_Source material_.

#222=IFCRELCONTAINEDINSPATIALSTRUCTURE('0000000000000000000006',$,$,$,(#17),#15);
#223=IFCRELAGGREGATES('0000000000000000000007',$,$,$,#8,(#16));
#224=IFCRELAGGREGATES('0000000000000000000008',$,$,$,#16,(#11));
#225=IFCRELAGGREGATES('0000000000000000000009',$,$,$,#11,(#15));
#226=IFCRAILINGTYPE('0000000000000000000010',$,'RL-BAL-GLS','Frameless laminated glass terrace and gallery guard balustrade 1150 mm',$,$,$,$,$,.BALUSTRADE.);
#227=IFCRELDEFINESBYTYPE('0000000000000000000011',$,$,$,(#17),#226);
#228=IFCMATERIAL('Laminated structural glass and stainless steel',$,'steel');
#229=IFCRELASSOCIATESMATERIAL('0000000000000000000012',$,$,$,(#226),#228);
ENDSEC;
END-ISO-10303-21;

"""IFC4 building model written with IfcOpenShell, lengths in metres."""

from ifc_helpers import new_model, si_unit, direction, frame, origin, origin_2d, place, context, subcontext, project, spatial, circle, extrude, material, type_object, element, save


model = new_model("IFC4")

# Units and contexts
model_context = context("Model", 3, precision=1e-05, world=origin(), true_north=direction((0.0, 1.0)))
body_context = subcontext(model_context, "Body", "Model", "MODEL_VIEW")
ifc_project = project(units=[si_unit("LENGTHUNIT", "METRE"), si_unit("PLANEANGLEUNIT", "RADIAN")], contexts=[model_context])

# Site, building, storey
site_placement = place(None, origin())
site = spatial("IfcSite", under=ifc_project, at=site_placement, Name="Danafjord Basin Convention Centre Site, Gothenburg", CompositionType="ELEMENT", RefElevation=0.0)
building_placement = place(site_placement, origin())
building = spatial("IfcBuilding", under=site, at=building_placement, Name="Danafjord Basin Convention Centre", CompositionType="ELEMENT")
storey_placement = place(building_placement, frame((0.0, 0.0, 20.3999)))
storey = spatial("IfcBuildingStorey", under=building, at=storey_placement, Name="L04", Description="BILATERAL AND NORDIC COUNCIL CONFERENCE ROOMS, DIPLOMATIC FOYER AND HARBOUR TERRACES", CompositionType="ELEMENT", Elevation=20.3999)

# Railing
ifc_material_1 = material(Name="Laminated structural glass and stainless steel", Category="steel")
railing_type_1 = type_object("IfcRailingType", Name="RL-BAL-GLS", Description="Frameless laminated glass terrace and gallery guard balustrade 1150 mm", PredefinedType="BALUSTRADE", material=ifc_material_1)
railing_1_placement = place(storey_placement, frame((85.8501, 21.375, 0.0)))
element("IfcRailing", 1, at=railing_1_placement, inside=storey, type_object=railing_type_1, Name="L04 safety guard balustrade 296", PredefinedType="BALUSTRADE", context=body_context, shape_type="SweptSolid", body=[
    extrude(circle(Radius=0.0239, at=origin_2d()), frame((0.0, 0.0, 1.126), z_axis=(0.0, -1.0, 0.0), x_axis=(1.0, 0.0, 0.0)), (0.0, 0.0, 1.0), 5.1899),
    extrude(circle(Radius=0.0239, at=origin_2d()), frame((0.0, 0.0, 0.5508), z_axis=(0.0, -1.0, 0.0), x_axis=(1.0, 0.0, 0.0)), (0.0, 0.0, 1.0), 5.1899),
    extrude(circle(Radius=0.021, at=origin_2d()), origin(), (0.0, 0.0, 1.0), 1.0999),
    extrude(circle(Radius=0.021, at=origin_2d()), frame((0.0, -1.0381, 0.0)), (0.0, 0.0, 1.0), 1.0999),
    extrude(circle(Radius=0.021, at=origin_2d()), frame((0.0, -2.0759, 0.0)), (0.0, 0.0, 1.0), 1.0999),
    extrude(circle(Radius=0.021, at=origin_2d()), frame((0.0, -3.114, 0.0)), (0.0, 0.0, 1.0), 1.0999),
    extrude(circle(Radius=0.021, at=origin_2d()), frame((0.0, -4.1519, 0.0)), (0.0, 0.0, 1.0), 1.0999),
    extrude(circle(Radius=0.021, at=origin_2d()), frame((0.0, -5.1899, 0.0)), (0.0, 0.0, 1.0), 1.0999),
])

_Aim of the task_. All the data needs repeating. Return it exactly.

_Problem solution_.
#222=IFCRELCONTAINEDINSPATIALSTRUCTURE('0000000000000000000006',$,$,$,(#17),#15);
#223=IFCRELAGGREGATES('0000000000000000000007',$,$,$,#8,(#16));
#224=IFCRELAGGREGATES('0000000000000000000008',$,$,$,#16,(#11));
#225=IFCRELAGGREGATES('0000000000000000000009',$,$,$,#11,(#15));
#226=IFCRAILINGTYPE('0000000000000000000010',$,'RL-BAL-GLS','Frameless laminated glass terrace and gallery guard balustrade 1150 mm',$,$,$,$,$,.BALUSTRADE.);
#227=IFCRELDEFINESBYTYPE('0000000000000000000011',$,$,$,(#17),#226);
#228=IFCMATERIAL('Laminated structural glass and stainless steel',$,'steel');
#229=IFCRELASSOCIATESMATERIAL('0000000000000000000012',$,$,$,(#226),#228);
ENDSEC;
END-ISO-10303-21;

"""IFC4 building model written with IfcOpenShell, lengths in metres."""

from ifc_helpers import new_model, si_unit, direction, frame, origin, origin_2d, place, context, subcontext, project, spatial, circle, extrude, material, type_object, element, save


model = new_model("IFC4")

# Units and contexts
model_context = context("Model", 3, precision=1e-05, world=origin(), true_north=direction((0.0, 1.0)))
body_context = subcontext(model_context, "Body", "Model", "MODEL_VIEW")
ifc_project = project(units=[si_unit("LENGTHUNIT", "METRE"), si_unit("PLANEANGLEUNIT", "RADIAN")], contexts=[model_context])

# Site, building, storey
site_placement = place(None, origin())
site = spatial("IfcSite", under=ifc_project, at=site_placement, Name="Danafjord Basin Convention Centre Site, Gothenburg", CompositionType="ELEMENT", RefElevation=0.0)
building_placement = place(site_placement, origin())
building = spatial("IfcBuilding", under=site, at=building_placement, Name="Danafjord Basin Convention Centre", CompositionType="ELEMENT")
storey_placement = place(building_placement, frame((0.0, 0.0, 20.3999)))
storey = spatial("IfcBuildingStorey", under=building, at=storey_placement, Name="L04", Description="BILATERAL AND NORDIC COUNCIL CONFERENCE ROOMS, DIPLOMATIC FOYER AND HARBOUR TERRACES", CompositionType="ELEMENT", Elevation=20.3999)

# Railing
ifc_material_1 = material(Name="Laminated structural glass and stainless steel", Category="steel")
railing_type_1 = type_object("IfcRailingType", Name="RL-BAL-GLS", Description="Frameless laminated glass terrace and gallery guard balustrade 1150 mm", PredefinedType="BALUSTRADE", material=ifc_material_1)
railing_1_placement = place(storey_placement, frame((85.8501, 21.375, 0.0)))
element("IfcRailing", 1, at=railing_1_placement, inside=storey, type_object=railing_type_1, Name="L04 safety guard balustrade 296", PredefinedType="BALUSTRADE", context=body_context, shape_type="SweptSolid", body=[
    extrude(circle(Radius=0.0239, at=origin_2d()), frame((0.0, 0.0, 1.126), z_axis=(0.0, -1.0, 0.0), x_axis=(1.0, 0.0, 0.0)), (0.0, 0.0, 1.0), 5.1899),
    extrude(circle(Radius=0.0239, at=origin_2d()), frame((0.0, 0.0, 0.5508), z_axis=(0.0, -1.0, 0.0), x_axis=(1.0, 0.0, 0.0)), (0.0, 0.0, 1.0), 5.1899),
    extrude(circle(Radius=0.021, at=origin_2d()), origin(), (0.0, 0.0, 1.0), 1.0999),
    extrude(circle(Radius=0.021, at=origin_2d()), frame((0.0, -1.0381, 0.0)), (0.0, 0.0, 1.0), 1.0999),
    extrude(circle(Radius=0.021, at=origin_2d()), frame((0.0, -2.0759, 0.0)), (0.0, 0.0, 1.0), 1.0999),
    extrude(circle(Radius=0.021, at=origin_2d()), frame((0.0, -3.114, 0.0)), (0.0, 0.0, 1.0), 1.0999),
    extrude(circle(Radius=0.021, at=origin_2d()), frame((0.0, -4.1519, 0.0)), (0.0, 0.0, 1.0), 1.0999),
    extrude(circle(Radius=0.021, at=origin_2d()), frame((0.0, -5.1899, 0.0)), (0.0, 0.0, 1.0), 1.0999),
])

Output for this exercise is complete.